Report each line of the data that has "Residences" somewhere in it.

**Data under study**:
========

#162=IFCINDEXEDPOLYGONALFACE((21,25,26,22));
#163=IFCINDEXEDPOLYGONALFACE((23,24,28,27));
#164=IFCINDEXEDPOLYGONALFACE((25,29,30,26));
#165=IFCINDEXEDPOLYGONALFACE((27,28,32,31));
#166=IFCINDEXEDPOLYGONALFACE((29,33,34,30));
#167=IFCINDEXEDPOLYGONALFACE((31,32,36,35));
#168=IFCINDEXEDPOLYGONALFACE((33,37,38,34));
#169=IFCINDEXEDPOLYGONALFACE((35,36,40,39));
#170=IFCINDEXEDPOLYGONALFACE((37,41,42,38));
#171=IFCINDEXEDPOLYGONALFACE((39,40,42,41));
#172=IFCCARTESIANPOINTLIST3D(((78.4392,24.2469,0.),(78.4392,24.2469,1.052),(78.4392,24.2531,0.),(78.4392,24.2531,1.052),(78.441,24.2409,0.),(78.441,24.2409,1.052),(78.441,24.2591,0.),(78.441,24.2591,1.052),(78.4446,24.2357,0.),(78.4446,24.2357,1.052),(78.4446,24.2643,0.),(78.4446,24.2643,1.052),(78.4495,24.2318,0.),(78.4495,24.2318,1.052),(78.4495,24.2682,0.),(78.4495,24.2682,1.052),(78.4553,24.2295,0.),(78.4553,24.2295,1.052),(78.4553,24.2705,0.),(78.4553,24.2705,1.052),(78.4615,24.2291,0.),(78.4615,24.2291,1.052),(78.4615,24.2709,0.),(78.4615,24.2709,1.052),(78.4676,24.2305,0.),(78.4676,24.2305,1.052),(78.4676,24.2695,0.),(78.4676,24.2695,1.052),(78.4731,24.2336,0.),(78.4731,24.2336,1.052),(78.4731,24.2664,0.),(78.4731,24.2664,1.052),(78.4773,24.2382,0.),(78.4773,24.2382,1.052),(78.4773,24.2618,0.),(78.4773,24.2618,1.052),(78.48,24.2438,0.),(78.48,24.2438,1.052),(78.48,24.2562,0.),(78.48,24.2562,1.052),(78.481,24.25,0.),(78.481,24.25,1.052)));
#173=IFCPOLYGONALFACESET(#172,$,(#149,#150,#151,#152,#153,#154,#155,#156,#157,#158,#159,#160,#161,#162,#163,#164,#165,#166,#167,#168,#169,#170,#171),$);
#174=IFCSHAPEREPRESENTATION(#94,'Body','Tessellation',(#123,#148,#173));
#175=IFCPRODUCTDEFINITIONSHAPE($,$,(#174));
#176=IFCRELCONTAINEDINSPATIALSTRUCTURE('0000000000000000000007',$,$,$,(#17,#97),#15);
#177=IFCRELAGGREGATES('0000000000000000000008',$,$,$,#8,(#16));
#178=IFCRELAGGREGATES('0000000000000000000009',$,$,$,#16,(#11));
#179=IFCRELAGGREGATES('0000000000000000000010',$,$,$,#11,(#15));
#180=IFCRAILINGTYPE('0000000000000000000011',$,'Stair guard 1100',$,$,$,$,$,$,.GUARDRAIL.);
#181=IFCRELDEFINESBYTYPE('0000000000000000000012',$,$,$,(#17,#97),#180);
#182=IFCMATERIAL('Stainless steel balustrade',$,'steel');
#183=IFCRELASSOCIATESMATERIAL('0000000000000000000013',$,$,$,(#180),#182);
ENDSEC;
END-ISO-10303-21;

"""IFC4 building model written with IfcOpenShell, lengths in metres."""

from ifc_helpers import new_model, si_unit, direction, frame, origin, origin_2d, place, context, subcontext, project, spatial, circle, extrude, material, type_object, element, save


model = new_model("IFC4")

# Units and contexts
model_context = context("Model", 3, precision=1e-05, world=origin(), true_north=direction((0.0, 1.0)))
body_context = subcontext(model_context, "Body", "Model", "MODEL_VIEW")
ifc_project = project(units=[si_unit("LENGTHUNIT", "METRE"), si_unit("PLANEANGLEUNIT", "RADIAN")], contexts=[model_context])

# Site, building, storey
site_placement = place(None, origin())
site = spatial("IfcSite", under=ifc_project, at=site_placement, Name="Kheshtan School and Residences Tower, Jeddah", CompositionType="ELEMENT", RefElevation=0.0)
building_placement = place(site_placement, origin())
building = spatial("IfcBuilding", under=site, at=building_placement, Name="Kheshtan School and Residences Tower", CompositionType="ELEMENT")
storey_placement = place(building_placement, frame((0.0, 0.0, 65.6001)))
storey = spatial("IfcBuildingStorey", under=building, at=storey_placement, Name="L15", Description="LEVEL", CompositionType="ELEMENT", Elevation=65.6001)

========

**Your solution**:
site = spatial("IfcSite", under=ifc_project, at=site_placement, Name="Kheshtan School and Residences Tower, Jeddah", CompositionType="ELEMENT", RefElevation=0.0)
building = spatial("IfcBuilding", under=site, at=building_placement, Name="Kheshtan School and Residences Tower", CompositionType="ELEMENT")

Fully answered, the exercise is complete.